### WHAT THE TASK REQUIRES
Print every line of the listing exactly, please.
*** Opening RECORDS FOR THIS EXERCISE ***
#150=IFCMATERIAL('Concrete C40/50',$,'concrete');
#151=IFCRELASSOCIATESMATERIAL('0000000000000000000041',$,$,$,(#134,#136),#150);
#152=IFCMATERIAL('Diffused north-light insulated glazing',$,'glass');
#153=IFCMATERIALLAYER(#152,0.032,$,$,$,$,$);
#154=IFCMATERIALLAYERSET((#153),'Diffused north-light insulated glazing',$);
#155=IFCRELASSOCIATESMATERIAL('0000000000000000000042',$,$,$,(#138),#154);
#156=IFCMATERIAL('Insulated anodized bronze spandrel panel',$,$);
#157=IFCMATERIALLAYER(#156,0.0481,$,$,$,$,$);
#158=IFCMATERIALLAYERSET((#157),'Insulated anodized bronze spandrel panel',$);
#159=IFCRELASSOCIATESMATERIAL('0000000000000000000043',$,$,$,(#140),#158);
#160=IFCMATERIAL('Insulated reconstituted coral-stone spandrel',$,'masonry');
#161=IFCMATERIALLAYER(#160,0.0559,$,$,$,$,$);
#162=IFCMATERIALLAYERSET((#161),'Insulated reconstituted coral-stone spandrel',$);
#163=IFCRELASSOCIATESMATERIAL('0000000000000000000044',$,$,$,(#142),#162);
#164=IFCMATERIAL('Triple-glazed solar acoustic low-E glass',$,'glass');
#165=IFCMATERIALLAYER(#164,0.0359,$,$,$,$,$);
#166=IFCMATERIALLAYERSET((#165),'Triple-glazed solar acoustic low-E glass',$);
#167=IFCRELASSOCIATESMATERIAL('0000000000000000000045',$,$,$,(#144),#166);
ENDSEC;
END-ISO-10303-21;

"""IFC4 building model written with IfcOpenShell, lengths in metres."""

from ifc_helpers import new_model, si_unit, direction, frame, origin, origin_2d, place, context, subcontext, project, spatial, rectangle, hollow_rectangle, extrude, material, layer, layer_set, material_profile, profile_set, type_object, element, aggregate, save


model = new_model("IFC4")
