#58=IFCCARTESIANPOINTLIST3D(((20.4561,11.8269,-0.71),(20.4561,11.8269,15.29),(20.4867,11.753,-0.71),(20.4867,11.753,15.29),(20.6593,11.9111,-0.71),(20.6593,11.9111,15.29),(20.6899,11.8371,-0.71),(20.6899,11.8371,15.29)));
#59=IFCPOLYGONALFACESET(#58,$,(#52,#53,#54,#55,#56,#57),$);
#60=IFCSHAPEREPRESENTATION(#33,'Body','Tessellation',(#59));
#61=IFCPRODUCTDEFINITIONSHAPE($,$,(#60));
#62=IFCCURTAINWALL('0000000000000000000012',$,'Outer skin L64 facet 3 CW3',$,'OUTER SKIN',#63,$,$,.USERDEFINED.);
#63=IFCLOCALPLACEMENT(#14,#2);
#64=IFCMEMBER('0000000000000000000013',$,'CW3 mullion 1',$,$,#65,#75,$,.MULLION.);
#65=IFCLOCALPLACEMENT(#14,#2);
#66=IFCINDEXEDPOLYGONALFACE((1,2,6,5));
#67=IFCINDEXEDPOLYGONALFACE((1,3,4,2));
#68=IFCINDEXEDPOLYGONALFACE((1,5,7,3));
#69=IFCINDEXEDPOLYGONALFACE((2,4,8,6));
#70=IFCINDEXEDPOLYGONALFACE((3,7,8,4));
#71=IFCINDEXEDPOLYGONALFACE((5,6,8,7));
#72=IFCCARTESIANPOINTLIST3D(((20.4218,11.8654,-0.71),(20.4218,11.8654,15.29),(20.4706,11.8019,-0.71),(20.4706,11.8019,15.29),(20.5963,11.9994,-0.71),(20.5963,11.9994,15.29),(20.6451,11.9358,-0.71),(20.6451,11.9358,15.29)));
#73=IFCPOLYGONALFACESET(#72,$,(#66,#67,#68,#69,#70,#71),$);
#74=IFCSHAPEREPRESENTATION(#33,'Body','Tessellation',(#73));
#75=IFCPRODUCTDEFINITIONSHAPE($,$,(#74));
*** Closing RECORDS FOR THIS EXERCISE ***
### TASK RESPONSE
#150=IFCMATERIAL('Concrete C40/50',$,'concrete');
#151=IFCRELASSOCIATESMATERIAL('0000000000000000000041',$,$,$,(#134,#136),#150);
#152=IFCMATERIAL('Diffused north-light insulated glazing',$,'glass');
#153=IFCMATERIALLAYER(#152,0.032,$,$,$,$,$);
#154=IFCMATERIALLAYERSET((#153),'Diffused north-light insulated glazing',$);
#155=IFCRELASSOCIATESMATERIAL('0000000000000000000042',$,$,$,(#138),#154);
#156=IFCMATERIAL('Insulated anodized bronze spandrel panel',$,$);
#157=IFCMATERIALLAYER(#156,0.0481,$,$,$,$,$);
#158=IFCMATERIALLAYERSET((#157),'Insulated anodized bronze spandrel panel',$);
#159=IFCRELASSOCIATESMATERIAL('0000000000000000000043',$,$,$,(#140),#158);
#160=IFCMATERIAL('Insulated reconstituted coral-stone spandrel',$,'masonry');
#161=IFCMATERIALLAYER(#160,0.0559,$,$,$,$,$);
#162=IFCMATERIALLAYERSET((#161),'Insulated reconstituted coral-stone spandrel',$);
#163=IFCRELASSOCIATESMATERIAL('0000000000000000000044',$,$,$,(#142),#162);
#164=IFCMATERIAL('Triple-glazed solar acoustic low-E glass',$,'glass');
#165=IFCMATERIALLAYER(#164,0.0359,$,$,$,$,$);
#166=IFCMATERIALLAYERSET((#165),'Triple-glazed solar acoustic low-E glass',$);
#167=IFCRELASSOCIATESMATERIAL('0000000000000000000045',$,$,$,(#144),#166);
ENDSEC;
END-ISO-10303-21;

"""IFC4 building model written with IfcOpenShell, lengths in metres."""

from ifc_helpers import new_model, si_unit, direction, frame, origin, origin_2d, place, context, subcontext, project, spatial, rectangle, hollow_rectangle, extrude, material, layer, layer_set, material_profile, profile_set, type_object, element, aggregate, save


model = new_model("IFC4")
#58=IFCCARTESIANPOINTLIST3D(((20.4561,11.8269,-0.71),(20.4561,11.8269,15.29),(20.4867,11.753,-0.71),(20.4867,11.753,15.29),(20.6593,11.9111,-0.71),(20.6593,11.9111,15.29),(20.6899,11.8371,-0.71),(20.6899,11.8371,15.29)));
#59=IFCPOLYGONALFACESET(#58,$,(#52,#53,#54,#55,#56,#57),$);
#60=IFCSHAPEREPRESENTATION(#33,'Body','Tessellation',(#59));
#61=IFCPRODUCTDEFINITIONSHAPE($,$,(#60));
#62=IFCCURTAINWALL('0000000000000000000012',$,'Outer skin L64 facet 3 CW3',$,'OUTER SKIN',#63,$,$,.USERDEFINED.);
#63=IFCLOCALPLACEMENT(#14,#2);
#64=IFCMEMBER('0000000000000000000013',$,'CW3 mullion 1',$,$,#65,#75,$,.MULLION.);
#65=IFCLOCALPLACEMENT(#14,#2);
#66=IFCINDEXEDPOLYGONALFACE((1,2,6,5));
#67=IFCINDEXEDPOLYGONALFACE((1,3,4,2));
#68=IFCINDEXEDPOLYGONALFACE((1,5,7,3));
#69=IFCINDEXEDPOLYGONALFACE((2,4,8,6));
#70=IFCINDEXEDPOLYGONALFACE((3,7,8,4));
#71=IFCINDEXEDPOLYGONALFACE((5,6,8,7));
#72=IFCCARTESIANPOINTLIST3D(((20.4218,11.8654,-0.71),(20.4218,11.8654,15.29),(20.4706,11.8019,-0.71),(20.4706,11.8019,15.29),(20.5963,11.9994,-0.71),(20.5963,11.9994,15.29),(20.6451,11.9358,-0.71),(20.6451,11.9358,15.29)));
#73=IFCPOLYGONALFACESET(#72,$,(#66,#67,#68,#69,#70,#71),$);
#74=IFCSHAPEREPRESENTATION(#33,'Body','Tessellation',(#73));
#75=IFCPRODUCTDEFINITIONSHAPE($,$,(#74));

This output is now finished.